YOUR INSTRUCTIONS
Beginning with the first line, copy out each line of the material until the line containing "#187=IFCPRODUCTDEFINITIONSHAPE($,$,(#186));" has been copied as well.

DATA SHOWN below:

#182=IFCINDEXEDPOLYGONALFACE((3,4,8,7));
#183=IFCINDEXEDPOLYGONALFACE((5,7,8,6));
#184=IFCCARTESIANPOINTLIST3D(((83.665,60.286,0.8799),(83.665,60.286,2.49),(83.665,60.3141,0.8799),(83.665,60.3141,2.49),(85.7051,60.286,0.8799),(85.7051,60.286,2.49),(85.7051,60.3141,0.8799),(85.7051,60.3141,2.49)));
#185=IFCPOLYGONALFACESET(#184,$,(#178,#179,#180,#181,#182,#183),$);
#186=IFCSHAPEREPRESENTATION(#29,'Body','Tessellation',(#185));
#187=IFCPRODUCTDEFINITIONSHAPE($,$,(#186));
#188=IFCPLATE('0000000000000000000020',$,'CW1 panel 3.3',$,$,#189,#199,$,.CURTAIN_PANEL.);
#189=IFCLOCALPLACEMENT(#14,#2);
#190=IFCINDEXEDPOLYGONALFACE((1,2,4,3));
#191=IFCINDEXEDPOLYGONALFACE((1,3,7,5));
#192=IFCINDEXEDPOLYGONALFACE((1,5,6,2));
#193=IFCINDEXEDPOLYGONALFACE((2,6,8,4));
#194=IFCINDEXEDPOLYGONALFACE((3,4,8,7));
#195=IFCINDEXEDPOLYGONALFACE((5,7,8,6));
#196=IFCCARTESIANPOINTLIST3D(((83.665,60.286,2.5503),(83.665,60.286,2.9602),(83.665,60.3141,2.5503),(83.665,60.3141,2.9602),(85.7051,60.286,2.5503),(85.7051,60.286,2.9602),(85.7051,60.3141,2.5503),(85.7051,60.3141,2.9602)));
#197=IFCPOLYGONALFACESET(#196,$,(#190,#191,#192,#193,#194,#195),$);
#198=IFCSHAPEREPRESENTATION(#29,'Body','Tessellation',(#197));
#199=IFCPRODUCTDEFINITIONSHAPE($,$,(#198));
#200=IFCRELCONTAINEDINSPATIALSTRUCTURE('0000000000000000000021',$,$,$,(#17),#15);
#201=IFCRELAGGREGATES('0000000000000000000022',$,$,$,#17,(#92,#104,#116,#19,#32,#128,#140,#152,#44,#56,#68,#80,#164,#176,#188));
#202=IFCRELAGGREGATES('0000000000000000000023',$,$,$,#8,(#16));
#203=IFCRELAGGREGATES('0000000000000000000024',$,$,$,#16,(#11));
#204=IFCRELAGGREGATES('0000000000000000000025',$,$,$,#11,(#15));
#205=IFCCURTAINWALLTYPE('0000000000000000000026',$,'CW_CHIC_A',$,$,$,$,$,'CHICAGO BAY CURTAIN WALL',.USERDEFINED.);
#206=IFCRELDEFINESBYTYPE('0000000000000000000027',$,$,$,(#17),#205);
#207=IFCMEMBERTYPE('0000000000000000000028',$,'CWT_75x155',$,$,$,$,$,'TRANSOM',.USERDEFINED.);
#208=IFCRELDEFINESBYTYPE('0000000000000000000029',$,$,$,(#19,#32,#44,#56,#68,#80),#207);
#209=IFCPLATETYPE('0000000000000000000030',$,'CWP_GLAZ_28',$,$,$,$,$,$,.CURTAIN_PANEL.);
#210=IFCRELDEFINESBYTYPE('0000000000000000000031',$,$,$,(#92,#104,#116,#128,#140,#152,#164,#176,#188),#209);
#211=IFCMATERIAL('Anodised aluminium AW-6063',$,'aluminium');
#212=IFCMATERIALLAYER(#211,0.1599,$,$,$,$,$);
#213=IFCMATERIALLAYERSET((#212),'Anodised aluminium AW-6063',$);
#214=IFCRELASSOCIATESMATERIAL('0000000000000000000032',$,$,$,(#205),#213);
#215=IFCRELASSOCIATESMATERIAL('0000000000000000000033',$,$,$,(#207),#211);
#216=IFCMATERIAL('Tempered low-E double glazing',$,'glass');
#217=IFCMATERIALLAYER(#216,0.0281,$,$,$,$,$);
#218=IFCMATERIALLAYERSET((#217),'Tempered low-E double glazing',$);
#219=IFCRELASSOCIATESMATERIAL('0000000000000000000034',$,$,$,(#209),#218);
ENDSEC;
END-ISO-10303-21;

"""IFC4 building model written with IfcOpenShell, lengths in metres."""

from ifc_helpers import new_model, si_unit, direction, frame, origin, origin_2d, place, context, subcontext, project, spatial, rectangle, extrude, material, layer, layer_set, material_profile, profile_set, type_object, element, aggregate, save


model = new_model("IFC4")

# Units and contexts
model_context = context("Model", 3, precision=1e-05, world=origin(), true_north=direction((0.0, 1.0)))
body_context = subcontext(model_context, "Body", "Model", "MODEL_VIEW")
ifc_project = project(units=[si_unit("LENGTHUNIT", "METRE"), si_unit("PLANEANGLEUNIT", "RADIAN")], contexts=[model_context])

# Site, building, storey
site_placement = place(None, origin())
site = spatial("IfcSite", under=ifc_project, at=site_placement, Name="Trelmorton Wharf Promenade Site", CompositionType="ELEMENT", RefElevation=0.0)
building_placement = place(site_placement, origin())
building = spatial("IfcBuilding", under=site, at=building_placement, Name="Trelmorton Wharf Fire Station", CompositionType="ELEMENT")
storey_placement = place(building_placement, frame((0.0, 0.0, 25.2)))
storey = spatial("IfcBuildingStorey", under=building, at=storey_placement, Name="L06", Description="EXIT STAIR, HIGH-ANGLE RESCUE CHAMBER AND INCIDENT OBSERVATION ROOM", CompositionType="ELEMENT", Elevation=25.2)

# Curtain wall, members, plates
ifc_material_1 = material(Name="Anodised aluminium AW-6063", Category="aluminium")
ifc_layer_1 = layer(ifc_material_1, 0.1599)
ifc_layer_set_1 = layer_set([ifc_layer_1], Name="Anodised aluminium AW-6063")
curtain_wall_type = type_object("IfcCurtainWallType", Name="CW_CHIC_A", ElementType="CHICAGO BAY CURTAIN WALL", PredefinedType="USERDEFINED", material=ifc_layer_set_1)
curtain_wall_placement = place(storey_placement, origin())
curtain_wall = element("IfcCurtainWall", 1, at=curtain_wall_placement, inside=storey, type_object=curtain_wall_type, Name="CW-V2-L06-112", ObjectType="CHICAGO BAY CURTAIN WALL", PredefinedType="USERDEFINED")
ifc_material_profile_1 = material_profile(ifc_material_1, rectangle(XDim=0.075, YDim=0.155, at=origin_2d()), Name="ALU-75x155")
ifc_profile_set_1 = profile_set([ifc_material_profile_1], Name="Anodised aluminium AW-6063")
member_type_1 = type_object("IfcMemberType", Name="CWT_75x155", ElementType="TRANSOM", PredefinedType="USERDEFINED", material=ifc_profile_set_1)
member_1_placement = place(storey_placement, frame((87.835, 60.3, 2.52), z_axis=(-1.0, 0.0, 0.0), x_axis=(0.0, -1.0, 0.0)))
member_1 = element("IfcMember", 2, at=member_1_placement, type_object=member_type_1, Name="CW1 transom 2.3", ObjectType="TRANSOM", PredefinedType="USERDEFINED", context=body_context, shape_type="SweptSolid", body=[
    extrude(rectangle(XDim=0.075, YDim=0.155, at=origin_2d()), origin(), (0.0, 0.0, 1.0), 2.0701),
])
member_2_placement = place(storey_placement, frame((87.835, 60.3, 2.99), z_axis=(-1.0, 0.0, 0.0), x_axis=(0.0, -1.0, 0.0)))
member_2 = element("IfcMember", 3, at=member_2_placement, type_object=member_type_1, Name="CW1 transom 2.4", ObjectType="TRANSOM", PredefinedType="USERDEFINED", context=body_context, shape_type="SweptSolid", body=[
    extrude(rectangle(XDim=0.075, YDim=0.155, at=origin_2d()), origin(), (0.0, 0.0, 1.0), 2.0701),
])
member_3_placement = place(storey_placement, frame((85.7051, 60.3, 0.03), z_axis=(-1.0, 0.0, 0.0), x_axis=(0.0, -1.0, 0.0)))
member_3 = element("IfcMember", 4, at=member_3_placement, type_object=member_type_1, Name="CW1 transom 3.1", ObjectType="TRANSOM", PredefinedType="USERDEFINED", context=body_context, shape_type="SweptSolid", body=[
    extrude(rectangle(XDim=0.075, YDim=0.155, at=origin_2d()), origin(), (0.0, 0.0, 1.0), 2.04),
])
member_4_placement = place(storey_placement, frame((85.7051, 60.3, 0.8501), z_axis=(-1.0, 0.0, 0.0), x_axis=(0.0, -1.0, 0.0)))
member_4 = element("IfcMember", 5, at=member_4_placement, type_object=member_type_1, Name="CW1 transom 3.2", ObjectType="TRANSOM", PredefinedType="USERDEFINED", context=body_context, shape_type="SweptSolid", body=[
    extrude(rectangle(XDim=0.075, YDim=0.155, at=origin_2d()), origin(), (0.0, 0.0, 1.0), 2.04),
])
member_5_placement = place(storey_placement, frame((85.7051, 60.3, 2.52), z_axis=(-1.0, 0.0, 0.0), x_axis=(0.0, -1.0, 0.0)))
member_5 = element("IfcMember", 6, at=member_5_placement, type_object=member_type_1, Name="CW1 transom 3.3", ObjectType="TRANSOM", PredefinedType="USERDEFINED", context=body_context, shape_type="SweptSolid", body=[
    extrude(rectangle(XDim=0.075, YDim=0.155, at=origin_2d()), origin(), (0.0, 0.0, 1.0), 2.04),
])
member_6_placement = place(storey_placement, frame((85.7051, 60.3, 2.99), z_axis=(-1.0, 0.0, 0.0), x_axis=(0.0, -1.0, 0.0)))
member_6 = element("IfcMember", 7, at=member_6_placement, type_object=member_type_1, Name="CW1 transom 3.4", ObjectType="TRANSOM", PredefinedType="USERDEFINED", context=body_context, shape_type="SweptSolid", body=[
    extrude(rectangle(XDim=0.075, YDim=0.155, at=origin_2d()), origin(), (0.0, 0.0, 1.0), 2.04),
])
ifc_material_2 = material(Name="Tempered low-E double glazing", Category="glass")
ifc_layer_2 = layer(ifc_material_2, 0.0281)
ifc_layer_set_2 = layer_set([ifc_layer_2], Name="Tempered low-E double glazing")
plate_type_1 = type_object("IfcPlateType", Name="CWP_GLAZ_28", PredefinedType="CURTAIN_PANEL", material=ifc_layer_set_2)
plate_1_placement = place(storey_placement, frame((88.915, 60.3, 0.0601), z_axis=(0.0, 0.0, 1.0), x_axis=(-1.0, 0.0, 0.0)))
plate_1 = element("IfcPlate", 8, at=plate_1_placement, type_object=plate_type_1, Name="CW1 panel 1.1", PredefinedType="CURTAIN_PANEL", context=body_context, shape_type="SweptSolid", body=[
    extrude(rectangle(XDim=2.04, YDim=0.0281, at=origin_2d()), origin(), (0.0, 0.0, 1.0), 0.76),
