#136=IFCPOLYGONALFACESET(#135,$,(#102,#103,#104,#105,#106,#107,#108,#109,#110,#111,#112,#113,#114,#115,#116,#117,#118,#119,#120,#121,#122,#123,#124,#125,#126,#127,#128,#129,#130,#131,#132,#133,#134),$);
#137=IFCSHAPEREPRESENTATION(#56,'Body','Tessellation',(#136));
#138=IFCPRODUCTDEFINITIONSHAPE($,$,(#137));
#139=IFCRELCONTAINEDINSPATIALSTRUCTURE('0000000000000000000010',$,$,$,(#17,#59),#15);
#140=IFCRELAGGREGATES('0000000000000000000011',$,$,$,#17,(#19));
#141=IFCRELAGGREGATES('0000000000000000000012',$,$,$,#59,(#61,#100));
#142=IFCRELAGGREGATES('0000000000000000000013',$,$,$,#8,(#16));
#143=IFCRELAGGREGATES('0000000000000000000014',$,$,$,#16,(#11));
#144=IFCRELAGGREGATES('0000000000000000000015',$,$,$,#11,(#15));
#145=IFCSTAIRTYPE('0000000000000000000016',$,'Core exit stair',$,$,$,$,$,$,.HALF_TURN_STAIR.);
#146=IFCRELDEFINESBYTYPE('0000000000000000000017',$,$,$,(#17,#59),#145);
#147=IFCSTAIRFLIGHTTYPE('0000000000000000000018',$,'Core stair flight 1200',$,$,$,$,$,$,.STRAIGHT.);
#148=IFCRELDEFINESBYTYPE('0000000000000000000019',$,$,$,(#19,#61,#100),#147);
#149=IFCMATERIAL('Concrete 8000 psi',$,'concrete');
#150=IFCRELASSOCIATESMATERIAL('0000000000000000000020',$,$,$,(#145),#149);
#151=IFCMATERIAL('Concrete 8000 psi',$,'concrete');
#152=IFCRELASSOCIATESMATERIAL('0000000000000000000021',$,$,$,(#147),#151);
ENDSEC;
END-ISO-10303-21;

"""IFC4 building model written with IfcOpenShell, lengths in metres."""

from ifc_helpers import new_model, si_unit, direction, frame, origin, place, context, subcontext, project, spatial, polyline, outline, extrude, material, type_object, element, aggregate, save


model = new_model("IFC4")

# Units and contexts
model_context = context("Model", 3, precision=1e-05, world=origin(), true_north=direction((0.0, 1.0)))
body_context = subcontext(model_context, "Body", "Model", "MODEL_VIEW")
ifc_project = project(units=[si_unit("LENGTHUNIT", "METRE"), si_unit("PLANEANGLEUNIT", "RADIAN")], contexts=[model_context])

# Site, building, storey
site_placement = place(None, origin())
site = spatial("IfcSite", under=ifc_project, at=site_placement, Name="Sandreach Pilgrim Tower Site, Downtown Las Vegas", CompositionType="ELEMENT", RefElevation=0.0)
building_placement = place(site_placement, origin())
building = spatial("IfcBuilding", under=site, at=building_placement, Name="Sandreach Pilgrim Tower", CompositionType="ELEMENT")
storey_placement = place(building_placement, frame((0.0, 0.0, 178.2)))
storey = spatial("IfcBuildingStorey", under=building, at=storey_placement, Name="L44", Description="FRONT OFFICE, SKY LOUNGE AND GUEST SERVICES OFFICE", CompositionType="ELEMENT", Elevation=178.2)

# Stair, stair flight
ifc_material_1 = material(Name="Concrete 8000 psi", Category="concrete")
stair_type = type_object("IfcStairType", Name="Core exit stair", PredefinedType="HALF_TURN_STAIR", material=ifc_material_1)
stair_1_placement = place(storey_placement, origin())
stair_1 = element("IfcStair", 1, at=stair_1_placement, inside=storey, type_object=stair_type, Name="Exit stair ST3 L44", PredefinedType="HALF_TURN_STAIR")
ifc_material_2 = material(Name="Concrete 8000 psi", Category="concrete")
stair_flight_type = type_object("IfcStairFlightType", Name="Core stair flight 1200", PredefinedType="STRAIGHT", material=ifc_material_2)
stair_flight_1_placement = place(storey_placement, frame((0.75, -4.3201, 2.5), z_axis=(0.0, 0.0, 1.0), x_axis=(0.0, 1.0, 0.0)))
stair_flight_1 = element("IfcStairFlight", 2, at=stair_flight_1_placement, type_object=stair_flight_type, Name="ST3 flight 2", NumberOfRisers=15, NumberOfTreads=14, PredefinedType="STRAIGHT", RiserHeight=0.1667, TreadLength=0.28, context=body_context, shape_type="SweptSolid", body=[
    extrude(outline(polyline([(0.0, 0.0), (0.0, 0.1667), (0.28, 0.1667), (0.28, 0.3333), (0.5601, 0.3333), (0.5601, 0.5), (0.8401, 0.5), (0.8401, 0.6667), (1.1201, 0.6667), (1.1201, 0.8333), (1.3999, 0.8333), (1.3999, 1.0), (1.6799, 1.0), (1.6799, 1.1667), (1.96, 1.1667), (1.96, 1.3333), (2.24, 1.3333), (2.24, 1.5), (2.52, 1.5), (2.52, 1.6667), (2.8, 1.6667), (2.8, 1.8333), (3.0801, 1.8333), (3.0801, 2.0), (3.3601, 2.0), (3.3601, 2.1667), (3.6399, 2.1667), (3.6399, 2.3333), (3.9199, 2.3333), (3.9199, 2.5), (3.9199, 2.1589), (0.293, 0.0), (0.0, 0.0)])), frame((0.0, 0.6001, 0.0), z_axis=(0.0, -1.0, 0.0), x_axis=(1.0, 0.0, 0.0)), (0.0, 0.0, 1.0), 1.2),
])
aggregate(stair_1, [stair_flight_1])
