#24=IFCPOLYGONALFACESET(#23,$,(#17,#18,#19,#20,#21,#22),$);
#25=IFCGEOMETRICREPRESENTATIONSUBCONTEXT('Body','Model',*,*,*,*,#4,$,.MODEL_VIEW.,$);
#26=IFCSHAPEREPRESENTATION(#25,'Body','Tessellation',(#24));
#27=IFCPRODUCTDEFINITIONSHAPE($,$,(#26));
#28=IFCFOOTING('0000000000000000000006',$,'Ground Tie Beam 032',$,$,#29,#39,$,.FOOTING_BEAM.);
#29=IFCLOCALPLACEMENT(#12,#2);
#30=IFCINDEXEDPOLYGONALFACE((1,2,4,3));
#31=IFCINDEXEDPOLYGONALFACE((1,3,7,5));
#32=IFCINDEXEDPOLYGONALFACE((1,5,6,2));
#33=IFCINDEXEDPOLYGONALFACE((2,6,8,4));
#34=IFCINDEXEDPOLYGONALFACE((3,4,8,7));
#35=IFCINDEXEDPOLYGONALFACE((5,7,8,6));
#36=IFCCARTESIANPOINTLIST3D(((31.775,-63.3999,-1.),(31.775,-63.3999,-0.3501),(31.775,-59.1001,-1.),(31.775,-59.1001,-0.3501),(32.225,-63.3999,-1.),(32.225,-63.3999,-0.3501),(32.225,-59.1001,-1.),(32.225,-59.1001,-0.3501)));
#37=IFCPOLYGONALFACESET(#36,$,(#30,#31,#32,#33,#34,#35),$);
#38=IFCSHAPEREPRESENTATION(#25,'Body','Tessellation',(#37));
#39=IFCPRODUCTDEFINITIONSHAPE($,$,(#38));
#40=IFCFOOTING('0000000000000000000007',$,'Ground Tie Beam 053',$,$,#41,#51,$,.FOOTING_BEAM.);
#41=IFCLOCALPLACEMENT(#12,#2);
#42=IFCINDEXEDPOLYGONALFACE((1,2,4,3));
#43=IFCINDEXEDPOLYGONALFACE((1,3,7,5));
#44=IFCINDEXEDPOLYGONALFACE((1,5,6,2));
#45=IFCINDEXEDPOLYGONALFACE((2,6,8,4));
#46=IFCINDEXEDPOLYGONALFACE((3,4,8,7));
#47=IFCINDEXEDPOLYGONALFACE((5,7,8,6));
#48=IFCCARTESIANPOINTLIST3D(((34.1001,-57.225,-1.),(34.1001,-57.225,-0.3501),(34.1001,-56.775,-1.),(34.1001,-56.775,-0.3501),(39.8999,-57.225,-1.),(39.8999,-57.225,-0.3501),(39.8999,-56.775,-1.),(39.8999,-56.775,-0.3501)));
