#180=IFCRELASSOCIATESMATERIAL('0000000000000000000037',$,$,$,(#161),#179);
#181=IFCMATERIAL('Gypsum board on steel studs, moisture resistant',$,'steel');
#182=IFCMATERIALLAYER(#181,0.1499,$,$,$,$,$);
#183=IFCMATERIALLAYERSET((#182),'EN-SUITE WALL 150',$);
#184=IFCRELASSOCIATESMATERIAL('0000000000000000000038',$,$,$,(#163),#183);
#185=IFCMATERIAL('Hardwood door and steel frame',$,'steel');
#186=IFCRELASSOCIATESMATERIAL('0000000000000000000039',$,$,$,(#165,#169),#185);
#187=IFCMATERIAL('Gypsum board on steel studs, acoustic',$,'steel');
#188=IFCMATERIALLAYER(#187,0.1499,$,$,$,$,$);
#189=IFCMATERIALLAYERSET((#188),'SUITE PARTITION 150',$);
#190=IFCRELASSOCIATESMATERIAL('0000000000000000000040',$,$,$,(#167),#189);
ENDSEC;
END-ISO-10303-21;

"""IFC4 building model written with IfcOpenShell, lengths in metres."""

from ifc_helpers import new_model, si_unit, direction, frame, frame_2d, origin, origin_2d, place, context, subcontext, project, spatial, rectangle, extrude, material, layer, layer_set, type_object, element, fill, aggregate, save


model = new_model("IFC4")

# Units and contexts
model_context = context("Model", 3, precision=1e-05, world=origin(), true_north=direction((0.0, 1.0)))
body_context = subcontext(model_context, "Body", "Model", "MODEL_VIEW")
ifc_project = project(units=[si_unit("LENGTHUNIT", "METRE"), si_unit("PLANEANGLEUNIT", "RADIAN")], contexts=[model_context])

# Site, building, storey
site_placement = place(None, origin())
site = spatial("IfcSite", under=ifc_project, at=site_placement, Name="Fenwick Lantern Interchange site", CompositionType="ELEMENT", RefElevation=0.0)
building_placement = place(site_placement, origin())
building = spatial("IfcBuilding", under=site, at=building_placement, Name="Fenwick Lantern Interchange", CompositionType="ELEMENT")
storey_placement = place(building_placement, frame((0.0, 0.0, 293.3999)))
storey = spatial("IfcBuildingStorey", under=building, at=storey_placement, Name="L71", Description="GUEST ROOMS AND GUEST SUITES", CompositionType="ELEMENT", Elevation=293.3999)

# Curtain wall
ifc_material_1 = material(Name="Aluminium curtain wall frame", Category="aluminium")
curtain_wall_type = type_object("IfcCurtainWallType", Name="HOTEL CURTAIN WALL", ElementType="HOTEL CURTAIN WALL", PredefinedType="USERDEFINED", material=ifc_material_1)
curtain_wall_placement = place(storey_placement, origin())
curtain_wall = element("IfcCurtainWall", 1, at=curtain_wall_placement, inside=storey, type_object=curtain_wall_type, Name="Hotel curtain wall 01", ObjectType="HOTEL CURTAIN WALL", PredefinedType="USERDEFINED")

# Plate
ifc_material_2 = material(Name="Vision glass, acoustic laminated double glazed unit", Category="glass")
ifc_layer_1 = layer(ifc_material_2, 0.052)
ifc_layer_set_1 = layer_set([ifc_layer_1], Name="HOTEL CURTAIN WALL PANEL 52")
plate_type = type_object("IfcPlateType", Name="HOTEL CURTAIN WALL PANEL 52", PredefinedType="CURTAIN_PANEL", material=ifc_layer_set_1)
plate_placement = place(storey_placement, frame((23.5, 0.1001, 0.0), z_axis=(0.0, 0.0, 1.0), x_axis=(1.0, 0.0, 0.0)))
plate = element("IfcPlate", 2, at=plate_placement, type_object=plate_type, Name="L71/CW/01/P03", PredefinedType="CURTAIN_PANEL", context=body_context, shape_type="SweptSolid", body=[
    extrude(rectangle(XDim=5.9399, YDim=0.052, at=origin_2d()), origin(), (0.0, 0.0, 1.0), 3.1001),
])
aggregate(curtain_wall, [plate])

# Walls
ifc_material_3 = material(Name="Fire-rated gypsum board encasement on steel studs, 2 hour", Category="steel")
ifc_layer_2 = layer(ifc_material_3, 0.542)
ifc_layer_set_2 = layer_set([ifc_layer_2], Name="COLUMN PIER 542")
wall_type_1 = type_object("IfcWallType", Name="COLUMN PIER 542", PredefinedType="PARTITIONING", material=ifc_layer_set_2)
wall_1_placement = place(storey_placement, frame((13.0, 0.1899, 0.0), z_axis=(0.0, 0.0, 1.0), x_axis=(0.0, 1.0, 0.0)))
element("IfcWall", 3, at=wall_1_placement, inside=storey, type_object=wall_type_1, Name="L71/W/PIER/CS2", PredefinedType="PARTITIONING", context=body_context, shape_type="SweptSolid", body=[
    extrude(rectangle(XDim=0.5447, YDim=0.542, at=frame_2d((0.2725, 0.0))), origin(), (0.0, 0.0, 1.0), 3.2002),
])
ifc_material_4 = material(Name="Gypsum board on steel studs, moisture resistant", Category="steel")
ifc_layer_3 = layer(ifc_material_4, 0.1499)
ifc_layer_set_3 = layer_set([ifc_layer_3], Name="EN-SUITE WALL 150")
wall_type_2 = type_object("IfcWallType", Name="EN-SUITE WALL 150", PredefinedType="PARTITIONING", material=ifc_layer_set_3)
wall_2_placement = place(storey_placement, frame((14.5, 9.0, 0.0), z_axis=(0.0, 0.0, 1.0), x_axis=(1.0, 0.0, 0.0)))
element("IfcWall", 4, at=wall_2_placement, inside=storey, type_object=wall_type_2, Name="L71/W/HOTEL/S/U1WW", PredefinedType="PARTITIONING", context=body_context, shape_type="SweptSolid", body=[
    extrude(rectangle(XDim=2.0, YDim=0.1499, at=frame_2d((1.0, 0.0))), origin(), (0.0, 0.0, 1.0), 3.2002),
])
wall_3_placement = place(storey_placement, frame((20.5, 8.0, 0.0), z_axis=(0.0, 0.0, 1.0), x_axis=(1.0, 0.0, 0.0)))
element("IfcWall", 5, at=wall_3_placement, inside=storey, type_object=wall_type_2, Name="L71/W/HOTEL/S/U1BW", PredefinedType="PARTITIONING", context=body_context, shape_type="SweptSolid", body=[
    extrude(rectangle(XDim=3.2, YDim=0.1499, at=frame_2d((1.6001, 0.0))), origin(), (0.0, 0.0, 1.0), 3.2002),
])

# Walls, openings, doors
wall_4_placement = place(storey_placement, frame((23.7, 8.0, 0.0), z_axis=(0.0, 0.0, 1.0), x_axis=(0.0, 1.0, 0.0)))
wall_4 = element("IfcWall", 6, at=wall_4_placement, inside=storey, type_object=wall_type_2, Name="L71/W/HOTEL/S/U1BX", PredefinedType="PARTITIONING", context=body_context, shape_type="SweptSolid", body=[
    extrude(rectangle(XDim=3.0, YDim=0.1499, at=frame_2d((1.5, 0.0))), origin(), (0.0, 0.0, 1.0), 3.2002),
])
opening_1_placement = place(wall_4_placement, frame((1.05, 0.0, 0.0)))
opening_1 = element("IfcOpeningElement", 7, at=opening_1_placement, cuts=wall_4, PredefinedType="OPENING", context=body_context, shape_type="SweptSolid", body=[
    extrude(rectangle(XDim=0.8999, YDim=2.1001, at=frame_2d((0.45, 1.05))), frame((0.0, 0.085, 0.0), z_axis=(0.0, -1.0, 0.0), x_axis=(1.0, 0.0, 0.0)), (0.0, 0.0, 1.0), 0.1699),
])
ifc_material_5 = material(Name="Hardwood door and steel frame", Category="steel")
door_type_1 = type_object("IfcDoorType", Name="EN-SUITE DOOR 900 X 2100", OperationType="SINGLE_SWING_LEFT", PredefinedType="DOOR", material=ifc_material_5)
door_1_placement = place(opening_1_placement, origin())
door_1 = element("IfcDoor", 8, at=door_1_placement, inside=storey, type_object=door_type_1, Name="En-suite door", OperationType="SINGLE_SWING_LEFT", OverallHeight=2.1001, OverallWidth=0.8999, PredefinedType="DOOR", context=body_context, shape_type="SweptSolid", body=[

End of DATA SHOWN.

EXERCISE RESULT
#182=IFCINDEXEDPOLYGONALFACE((3,4,8,7));
#183=IFCINDEXEDPOLYGONALFACE((5,7,8,6));
#184=IFCCARTESIANPOINTLIST3D(((83.665,60.286,0.8799),(83.665,60.286,2.49),(83.665,60.3141,0.8799),(83.665,60.3141,2.49),(85.7051,60.286,0.8799),(85.7051,60.286,2.49),(85.7051,60.3141,0.8799),(85.7051,60.3141,2.49)));
#185=IFCPOLYGONALFACESET(#184,$,(#178,#179,#180,#181,#182,#183),$);
#186=IFCSHAPEREPRESENTATION(#29,'Body','Tessellation',(#185));
#187=IFCPRODUCTDEFINITIONSHAPE($,$,(#186));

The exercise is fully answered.